▶ _Records for processing_
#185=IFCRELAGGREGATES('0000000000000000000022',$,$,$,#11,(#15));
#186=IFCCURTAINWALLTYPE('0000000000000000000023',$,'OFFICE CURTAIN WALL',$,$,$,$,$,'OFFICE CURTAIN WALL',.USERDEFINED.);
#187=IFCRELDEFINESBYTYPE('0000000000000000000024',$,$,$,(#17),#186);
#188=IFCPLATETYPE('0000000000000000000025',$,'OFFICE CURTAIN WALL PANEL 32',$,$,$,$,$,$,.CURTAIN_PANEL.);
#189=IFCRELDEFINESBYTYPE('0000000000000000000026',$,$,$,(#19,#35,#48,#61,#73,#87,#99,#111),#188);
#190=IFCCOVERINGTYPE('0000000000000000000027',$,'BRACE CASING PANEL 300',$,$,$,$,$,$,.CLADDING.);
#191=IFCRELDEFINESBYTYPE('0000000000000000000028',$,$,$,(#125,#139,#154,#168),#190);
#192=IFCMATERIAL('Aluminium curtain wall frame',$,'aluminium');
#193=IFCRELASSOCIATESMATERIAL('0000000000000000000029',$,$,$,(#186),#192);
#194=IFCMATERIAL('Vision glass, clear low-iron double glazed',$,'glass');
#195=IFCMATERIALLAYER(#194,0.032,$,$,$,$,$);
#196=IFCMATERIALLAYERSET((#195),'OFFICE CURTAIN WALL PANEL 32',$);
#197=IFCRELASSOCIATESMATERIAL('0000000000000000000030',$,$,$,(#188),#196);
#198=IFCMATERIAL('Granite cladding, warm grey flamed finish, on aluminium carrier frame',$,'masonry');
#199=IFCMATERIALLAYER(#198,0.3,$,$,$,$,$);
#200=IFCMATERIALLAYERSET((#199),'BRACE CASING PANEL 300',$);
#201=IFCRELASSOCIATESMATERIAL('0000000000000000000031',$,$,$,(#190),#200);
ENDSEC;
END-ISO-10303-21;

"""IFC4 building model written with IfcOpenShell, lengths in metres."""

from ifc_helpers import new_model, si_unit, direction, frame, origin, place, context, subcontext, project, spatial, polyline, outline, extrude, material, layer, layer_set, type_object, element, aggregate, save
---
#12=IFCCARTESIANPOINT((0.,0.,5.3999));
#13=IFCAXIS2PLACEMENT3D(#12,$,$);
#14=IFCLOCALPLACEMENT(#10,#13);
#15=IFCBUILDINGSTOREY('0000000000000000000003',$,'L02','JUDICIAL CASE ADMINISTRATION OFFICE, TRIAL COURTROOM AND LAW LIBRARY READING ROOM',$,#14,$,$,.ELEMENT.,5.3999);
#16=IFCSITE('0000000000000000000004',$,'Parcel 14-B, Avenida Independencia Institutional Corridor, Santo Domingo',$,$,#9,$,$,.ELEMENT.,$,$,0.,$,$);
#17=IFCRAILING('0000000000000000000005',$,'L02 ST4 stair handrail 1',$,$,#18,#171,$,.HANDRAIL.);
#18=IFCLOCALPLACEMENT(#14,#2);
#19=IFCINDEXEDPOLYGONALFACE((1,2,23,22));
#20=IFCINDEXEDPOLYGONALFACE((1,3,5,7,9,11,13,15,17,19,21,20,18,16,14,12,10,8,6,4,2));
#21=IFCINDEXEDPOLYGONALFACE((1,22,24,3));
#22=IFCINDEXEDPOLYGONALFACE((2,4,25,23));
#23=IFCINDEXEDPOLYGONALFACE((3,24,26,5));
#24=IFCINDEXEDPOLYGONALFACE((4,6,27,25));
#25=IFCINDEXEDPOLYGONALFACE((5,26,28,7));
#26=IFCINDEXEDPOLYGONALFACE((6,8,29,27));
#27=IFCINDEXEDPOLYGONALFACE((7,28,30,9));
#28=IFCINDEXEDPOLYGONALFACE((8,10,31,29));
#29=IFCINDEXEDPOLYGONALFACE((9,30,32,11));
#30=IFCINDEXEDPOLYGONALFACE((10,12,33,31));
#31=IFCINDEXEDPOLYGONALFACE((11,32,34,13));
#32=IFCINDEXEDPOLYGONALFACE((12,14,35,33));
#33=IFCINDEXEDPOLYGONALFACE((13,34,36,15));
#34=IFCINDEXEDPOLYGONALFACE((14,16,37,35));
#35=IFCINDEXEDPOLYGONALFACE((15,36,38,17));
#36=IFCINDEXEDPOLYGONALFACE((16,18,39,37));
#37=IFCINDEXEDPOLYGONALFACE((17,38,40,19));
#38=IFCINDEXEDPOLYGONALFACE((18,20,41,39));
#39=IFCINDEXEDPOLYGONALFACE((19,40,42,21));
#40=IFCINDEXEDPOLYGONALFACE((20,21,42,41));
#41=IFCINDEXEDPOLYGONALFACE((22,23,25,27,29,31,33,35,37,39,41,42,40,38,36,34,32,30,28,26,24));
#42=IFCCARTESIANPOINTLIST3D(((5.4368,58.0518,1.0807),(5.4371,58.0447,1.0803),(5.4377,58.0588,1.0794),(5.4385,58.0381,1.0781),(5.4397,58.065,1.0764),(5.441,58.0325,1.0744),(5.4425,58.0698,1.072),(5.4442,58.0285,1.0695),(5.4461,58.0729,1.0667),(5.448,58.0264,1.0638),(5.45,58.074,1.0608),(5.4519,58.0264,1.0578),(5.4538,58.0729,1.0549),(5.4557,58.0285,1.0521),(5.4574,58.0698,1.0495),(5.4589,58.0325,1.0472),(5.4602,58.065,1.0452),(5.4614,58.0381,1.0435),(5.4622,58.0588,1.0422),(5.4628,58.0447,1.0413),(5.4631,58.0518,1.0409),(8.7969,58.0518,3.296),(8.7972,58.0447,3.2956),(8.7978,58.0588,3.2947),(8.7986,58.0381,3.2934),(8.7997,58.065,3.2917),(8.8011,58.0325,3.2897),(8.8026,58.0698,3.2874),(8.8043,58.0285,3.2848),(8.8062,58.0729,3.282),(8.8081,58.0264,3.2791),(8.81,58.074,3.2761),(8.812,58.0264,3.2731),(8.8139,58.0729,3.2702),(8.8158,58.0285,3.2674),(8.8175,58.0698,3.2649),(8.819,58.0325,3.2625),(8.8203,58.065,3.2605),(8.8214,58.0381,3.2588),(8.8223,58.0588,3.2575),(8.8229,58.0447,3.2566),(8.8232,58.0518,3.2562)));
* * *
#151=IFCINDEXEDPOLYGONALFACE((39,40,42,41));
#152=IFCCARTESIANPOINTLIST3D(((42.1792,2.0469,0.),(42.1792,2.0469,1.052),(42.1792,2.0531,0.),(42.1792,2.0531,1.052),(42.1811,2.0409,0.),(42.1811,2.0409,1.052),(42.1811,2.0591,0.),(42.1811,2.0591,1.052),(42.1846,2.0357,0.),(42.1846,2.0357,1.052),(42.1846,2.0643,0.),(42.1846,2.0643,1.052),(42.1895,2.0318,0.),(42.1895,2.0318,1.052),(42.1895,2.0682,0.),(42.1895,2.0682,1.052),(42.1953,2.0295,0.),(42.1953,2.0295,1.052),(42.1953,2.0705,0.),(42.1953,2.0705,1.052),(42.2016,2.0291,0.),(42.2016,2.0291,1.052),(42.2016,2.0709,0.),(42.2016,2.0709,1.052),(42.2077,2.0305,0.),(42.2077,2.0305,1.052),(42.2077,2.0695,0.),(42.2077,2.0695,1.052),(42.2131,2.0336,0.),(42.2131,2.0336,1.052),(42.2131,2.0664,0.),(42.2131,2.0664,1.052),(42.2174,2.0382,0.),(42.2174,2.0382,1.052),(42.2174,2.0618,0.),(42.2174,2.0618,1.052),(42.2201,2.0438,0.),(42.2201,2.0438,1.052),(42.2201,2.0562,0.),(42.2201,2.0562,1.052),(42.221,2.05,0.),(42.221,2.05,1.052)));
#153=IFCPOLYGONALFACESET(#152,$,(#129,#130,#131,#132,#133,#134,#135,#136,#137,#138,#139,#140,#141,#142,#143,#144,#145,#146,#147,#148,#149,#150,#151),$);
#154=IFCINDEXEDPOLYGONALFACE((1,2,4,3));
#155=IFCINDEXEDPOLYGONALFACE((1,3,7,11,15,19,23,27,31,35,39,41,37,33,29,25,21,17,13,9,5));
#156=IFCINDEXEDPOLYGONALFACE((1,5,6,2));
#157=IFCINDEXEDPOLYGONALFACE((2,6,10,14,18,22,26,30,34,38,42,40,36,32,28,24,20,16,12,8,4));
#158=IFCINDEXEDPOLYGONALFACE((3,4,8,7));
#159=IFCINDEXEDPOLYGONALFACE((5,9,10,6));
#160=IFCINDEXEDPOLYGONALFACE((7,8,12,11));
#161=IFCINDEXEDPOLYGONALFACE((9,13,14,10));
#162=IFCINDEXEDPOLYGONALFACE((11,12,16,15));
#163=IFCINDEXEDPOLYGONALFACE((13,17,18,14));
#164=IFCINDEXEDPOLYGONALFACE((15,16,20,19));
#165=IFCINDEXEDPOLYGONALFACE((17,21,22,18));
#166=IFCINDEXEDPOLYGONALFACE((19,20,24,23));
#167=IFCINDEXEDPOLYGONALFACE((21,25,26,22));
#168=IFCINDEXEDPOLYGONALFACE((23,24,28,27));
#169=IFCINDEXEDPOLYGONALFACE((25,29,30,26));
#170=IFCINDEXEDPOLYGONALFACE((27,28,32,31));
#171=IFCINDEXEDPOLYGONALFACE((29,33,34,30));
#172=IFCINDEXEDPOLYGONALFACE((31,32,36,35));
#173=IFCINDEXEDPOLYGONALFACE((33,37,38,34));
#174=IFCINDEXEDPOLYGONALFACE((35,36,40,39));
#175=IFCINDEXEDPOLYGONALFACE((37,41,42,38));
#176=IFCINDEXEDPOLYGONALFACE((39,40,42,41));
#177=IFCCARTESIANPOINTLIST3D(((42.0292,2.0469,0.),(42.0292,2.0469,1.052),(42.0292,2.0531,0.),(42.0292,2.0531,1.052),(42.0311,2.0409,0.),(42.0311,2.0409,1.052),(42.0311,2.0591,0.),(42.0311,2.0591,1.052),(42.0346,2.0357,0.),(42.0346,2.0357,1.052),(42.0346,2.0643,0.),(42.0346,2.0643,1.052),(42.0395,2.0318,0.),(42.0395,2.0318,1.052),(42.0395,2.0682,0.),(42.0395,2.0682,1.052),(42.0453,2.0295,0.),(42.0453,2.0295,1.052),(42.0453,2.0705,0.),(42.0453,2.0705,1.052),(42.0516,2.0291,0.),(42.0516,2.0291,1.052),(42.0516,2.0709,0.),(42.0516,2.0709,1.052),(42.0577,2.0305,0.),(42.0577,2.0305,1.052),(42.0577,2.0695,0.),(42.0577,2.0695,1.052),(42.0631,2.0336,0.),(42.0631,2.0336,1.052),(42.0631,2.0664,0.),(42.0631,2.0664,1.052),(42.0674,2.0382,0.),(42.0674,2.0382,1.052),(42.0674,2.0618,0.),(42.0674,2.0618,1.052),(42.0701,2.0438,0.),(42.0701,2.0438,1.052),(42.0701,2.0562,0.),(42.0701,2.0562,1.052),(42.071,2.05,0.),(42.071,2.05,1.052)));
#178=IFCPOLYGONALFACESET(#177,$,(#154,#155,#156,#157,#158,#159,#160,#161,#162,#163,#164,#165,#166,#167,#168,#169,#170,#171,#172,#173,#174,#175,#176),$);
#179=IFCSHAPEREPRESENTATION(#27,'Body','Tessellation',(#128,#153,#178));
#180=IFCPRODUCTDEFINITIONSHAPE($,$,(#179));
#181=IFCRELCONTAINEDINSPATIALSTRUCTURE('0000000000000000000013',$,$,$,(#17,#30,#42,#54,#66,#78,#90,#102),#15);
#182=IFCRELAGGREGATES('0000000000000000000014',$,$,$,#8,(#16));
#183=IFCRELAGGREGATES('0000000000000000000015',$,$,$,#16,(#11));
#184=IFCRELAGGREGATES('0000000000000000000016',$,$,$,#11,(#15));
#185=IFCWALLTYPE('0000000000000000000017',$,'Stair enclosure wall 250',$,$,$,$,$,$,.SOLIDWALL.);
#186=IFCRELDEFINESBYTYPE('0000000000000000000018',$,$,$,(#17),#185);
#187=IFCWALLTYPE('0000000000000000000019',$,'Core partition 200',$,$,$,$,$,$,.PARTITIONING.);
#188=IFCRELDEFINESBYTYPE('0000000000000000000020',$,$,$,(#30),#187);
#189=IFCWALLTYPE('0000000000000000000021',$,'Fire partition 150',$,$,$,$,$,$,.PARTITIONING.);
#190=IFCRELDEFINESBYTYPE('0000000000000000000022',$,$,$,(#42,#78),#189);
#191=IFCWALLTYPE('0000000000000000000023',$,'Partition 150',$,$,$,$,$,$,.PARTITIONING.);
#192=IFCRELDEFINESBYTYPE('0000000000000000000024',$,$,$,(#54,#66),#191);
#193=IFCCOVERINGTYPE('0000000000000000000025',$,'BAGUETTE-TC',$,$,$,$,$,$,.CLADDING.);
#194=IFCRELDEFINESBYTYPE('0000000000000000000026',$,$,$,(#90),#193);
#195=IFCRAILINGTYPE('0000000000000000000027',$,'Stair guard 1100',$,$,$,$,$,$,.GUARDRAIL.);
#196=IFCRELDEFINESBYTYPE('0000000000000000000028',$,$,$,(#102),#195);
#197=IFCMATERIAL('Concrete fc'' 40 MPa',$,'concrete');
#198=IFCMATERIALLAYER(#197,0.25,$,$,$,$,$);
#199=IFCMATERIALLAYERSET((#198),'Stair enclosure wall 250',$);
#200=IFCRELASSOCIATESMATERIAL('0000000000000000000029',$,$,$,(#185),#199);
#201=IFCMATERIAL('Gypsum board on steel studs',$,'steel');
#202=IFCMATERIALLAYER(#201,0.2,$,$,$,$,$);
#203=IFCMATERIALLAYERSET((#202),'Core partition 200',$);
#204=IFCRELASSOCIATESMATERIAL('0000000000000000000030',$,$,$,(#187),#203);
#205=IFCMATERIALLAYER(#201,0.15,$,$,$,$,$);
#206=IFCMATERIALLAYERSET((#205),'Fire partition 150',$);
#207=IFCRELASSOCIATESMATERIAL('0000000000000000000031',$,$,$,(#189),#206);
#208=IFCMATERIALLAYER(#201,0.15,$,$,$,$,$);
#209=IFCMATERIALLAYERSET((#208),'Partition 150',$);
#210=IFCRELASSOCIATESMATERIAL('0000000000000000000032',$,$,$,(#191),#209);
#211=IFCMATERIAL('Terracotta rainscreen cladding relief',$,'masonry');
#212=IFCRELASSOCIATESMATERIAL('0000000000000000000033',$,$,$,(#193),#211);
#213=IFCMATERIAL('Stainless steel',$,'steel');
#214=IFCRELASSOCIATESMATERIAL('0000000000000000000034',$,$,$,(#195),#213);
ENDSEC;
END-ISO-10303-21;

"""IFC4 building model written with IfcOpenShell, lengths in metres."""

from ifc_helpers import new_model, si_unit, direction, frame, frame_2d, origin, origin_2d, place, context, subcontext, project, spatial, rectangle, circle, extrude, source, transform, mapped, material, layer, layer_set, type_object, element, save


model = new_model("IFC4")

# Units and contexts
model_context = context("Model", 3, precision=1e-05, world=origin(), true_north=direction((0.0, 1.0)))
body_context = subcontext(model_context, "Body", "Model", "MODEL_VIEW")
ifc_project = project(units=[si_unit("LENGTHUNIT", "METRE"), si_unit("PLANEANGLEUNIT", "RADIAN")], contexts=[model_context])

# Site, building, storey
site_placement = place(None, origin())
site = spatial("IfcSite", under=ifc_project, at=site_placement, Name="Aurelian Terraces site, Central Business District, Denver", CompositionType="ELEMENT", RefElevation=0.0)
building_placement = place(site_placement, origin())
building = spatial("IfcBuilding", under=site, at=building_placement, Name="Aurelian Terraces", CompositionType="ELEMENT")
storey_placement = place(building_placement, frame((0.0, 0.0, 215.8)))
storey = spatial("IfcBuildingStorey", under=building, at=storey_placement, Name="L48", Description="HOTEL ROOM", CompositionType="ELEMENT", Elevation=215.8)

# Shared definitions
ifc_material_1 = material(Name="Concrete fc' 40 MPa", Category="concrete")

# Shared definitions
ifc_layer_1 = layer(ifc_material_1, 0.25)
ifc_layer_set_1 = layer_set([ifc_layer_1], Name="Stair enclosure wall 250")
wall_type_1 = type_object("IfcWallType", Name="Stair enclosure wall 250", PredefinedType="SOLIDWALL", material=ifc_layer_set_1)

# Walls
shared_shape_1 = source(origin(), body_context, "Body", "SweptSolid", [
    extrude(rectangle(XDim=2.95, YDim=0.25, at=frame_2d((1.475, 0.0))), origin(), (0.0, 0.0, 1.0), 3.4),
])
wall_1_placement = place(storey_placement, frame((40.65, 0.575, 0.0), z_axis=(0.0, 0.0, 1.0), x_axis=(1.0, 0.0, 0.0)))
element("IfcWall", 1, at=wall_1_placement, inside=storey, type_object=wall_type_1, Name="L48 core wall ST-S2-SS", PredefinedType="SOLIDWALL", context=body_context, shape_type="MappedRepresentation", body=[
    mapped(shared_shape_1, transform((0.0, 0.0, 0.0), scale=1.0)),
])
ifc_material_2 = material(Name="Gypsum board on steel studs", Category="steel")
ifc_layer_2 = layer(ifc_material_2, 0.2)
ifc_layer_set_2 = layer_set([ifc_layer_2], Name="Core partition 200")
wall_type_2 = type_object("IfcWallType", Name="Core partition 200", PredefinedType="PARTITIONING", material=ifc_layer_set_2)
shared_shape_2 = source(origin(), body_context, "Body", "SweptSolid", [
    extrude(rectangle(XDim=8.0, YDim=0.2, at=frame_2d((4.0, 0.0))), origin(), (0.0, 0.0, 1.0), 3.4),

▶ _Exercise_
Which lines above hold the string "board"? Please copy all of them.

▶ _Output_
#201=IFCMATERIAL('Gypsum board on steel studs',$,'steel');
ifc_material_2 = material(Name="Gypsum board on steel studs", Category="steel")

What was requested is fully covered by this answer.